_Records contained in a dataset_.
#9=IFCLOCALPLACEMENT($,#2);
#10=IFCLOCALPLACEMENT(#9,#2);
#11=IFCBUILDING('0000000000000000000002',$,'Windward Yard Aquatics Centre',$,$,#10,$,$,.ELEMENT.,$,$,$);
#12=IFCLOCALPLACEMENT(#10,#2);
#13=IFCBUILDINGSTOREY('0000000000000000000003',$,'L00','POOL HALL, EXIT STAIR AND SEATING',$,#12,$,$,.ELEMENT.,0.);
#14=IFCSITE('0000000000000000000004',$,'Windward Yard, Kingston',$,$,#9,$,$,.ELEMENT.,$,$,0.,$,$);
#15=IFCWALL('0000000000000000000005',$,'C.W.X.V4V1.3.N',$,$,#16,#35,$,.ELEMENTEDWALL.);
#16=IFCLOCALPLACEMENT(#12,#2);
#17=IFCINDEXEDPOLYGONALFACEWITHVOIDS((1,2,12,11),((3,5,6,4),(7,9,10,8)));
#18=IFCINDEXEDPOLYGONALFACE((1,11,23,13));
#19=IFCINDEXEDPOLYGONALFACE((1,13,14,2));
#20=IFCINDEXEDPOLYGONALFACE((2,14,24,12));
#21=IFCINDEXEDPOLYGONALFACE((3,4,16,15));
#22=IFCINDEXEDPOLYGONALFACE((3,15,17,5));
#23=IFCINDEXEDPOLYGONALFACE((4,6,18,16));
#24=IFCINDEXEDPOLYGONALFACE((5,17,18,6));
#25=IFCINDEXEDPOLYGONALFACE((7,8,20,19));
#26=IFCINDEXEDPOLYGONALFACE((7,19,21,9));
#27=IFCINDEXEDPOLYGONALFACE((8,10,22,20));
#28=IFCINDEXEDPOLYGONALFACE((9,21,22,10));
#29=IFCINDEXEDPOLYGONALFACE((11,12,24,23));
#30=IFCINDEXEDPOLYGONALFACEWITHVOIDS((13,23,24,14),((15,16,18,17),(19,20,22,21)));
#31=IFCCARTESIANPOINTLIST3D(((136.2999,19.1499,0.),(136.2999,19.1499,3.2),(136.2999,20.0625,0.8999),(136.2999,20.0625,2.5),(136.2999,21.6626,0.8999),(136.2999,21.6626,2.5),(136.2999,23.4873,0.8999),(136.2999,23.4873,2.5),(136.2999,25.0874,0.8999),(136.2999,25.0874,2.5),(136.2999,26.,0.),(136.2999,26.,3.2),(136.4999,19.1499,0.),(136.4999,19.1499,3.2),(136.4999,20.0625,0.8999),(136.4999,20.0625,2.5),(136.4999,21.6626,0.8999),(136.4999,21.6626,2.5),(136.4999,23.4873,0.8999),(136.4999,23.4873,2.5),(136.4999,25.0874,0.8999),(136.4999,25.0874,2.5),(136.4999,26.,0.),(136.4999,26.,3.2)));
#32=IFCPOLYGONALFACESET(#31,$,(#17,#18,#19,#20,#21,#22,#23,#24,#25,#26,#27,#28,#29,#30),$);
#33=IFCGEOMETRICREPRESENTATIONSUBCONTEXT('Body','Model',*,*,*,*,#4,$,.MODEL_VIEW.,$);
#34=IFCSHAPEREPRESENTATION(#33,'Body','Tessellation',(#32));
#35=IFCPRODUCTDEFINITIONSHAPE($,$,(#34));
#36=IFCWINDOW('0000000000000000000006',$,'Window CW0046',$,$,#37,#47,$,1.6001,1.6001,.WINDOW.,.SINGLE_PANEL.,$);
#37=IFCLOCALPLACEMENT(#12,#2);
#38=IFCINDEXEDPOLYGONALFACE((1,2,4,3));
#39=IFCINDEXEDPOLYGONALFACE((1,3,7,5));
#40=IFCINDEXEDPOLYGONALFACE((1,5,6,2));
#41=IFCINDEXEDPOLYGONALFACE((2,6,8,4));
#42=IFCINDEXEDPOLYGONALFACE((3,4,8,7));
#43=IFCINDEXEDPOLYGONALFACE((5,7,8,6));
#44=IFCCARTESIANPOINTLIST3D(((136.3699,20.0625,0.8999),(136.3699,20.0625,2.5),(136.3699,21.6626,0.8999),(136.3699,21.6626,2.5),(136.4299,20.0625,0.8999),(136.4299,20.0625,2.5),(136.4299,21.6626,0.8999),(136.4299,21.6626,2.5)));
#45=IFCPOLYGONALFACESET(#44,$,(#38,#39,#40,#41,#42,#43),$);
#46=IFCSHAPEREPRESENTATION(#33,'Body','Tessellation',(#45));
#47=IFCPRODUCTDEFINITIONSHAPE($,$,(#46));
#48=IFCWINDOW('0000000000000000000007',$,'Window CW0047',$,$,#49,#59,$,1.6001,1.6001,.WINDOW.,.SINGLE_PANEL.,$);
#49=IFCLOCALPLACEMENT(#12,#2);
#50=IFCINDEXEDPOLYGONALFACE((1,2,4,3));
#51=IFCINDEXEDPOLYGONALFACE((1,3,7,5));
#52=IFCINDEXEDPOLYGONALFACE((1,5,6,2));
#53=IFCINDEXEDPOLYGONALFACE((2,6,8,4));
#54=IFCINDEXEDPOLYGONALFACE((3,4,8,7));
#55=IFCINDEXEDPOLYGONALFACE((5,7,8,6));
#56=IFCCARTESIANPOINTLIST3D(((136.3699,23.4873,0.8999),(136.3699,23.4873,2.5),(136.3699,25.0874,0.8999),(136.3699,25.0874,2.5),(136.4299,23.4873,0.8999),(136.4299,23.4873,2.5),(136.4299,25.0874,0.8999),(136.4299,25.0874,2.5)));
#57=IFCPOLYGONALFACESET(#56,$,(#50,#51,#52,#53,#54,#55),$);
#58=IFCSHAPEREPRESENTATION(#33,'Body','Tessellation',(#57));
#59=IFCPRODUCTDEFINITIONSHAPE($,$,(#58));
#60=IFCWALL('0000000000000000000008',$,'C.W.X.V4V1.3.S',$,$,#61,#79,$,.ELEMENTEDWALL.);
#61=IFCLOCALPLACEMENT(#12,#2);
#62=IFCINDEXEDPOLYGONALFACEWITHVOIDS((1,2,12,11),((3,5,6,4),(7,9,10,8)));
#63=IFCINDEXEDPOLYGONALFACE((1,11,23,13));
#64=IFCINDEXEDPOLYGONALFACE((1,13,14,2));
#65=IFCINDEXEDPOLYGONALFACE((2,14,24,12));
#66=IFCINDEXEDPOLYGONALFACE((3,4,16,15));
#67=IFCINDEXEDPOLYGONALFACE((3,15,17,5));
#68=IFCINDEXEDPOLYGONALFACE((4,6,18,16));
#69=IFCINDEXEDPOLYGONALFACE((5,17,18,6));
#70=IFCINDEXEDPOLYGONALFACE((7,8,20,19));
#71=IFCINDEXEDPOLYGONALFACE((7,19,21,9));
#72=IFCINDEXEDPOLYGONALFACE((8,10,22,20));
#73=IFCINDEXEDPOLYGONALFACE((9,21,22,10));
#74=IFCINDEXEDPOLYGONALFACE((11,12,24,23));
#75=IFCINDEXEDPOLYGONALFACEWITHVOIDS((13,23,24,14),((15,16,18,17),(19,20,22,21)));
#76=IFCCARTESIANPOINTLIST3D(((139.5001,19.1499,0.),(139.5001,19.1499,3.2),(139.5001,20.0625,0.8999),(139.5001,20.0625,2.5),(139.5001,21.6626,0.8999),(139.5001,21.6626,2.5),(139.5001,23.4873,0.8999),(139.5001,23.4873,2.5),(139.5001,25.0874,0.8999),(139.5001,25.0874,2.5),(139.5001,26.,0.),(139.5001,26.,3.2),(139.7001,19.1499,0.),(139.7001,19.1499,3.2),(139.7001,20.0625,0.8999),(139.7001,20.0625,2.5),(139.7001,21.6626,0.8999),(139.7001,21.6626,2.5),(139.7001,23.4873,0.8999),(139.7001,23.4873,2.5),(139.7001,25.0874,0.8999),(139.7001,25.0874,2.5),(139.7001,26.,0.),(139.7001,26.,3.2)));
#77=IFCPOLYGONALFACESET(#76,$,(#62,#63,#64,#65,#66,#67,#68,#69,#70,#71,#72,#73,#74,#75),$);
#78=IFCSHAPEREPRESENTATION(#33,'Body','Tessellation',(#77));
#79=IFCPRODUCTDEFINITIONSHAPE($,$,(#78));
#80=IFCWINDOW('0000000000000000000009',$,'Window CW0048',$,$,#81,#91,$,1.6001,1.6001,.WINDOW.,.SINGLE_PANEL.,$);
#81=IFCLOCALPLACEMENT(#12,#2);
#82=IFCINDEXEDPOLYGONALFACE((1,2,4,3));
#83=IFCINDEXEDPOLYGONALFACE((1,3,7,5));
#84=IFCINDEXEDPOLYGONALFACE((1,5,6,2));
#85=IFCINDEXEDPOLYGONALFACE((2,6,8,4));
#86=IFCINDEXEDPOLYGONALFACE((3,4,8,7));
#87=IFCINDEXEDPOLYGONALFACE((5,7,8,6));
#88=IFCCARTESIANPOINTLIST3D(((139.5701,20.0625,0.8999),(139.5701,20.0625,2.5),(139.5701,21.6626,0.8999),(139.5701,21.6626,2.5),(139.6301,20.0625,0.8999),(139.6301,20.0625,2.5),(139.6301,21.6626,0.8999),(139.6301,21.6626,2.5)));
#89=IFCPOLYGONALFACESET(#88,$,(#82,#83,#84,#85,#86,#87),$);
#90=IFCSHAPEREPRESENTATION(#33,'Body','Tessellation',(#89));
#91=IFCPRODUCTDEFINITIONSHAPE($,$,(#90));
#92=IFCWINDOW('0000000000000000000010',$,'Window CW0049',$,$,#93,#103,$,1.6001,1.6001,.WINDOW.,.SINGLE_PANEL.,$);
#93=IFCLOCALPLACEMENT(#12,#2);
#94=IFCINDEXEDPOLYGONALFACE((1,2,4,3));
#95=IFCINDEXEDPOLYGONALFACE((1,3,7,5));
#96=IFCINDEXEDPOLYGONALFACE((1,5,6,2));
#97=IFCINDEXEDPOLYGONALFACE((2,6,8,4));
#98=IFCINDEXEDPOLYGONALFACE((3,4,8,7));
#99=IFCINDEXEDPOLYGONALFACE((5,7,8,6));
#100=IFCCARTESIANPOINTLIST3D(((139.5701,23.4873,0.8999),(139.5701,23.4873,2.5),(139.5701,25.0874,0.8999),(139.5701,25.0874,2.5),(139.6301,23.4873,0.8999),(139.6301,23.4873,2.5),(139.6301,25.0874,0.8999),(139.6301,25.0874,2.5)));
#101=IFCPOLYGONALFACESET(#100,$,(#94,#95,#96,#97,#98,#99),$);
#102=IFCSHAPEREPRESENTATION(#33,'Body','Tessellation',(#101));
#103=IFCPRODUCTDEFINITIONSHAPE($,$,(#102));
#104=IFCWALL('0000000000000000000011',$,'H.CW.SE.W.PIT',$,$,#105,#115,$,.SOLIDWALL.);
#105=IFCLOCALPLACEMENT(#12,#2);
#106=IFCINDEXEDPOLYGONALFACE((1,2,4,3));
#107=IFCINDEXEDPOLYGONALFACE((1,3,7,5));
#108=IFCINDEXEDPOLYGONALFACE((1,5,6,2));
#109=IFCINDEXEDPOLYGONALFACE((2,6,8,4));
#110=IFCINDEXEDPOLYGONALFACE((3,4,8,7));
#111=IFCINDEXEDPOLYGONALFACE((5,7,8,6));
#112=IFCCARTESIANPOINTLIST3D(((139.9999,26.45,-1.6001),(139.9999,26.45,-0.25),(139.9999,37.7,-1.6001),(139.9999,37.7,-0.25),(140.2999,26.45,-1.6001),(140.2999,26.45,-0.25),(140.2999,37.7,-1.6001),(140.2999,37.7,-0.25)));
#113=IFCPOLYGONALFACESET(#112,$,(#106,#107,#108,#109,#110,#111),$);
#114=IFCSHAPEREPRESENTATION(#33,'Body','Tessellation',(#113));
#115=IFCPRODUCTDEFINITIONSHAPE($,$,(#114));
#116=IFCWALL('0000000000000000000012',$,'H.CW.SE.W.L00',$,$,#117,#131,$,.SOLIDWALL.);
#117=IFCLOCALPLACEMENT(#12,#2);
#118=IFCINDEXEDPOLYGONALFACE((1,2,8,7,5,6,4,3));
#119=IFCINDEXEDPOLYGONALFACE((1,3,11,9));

_PROBLEM_.
Copy the stretch of the records above that runs from the line with "#71=IFCINDEXEDPOLYGONALFACE((7,19,21,9));" through the line with "#89=IFCPOLYGONALFACESET(#88,$,(#82,#83,#84,#85,#86,#87),$);". Both end lines belong in the copy, and nothing else does.

_OUTPUT OF THE EXERCISE_.
#71=IFCINDEXEDPOLYGONALFACE((7,19,21,9));
#72=IFCINDEXEDPOLYGONALFACE((8,10,22,20));
#73=IFCINDEXEDPOLYGONALFACE((9,21,22,10));
#74=IFCINDEXEDPOLYGONALFACE((11,12,24,23));
#75=IFCINDEXEDPOLYGONALFACEWITHVOIDS((13,23,24,14),((15,16,18,17),(19,20,22,21)));
#76=IFCCARTESIANPOINTLIST3D(((139.5001,19.1499,0.),(139.5001,19.1499,3.2),(139.5001,20.0625,0.8999),(139.5001,20.0625,2.5),(139.5001,21.6626,0.8999),(139.5001,21.6626,2.5),(139.5001,23.4873,0.8999),(139.5001,23.4873,2.5),(139.5001,25.0874,0.8999),(139.5001,25.0874,2.5),(139.5001,26.,0.),(139.5001,26.,3.2),(139.7001,19.1499,0.),(139.7001,19.1499,3.2),(139.7001,20.0625,0.8999),(139.7001,20.0625,2.5),(139.7001,21.6626,0.8999),(139.7001,21.6626,2.5),(139.7001,23.4873,0.8999),(139.7001,23.4873,2.5),(139.7001,25.0874,0.8999),(139.7001,25.0874,2.5),(139.7001,26.,0.),(139.7001,26.,3.2)));
#77=IFCPOLYGONALFACESET(#76,$,(#62,#63,#64,#65,#66,#67,#68,#69,#70,#71,#72,#73,#74,#75),$);
#78=IFCSHAPEREPRESENTATION(#33,'Body','Tessellation',(#77));
#79=IFCPRODUCTDEFINITIONSHAPE($,$,(#78));
#80=IFCWINDOW('0000000000000000000009',$,'Window CW0048',$,$,#81,#91,$,1.6001,1.6001,.WINDOW.,.SINGLE_PANEL.,$);
#81=IFCLOCALPLACEMENT(#12,#2);
#82=IFCINDEXEDPOLYGONALFACE((1,2,4,3));
#83=IFCINDEXEDPOLYGONALFACE((1,3,7,5));
#84=IFCINDEXEDPOLYGONALFACE((1,5,6,2));
#85=IFCINDEXEDPOLYGONALFACE((2,6,8,4));
#86=IFCINDEXEDPOLYGONALFACE((3,4,8,7));
#87=IFCINDEXEDPOLYGONALFACE((5,7,8,6));
#88=IFCCARTESIANPOINTLIST3D(((139.5701,20.0625,0.8999),(139.5701,20.0625,2.5),(139.5701,21.6626,0.8999),(139.5701,21.6626,2.5),(139.6301,20.0625,0.8999),(139.6301,20.0625,2.5),(139.6301,21.6626,0.8999),(139.6301,21.6626,2.5)));
#89=IFCPOLYGONALFACESET(#88,$,(#82,#83,#84,#85,#86,#87),$);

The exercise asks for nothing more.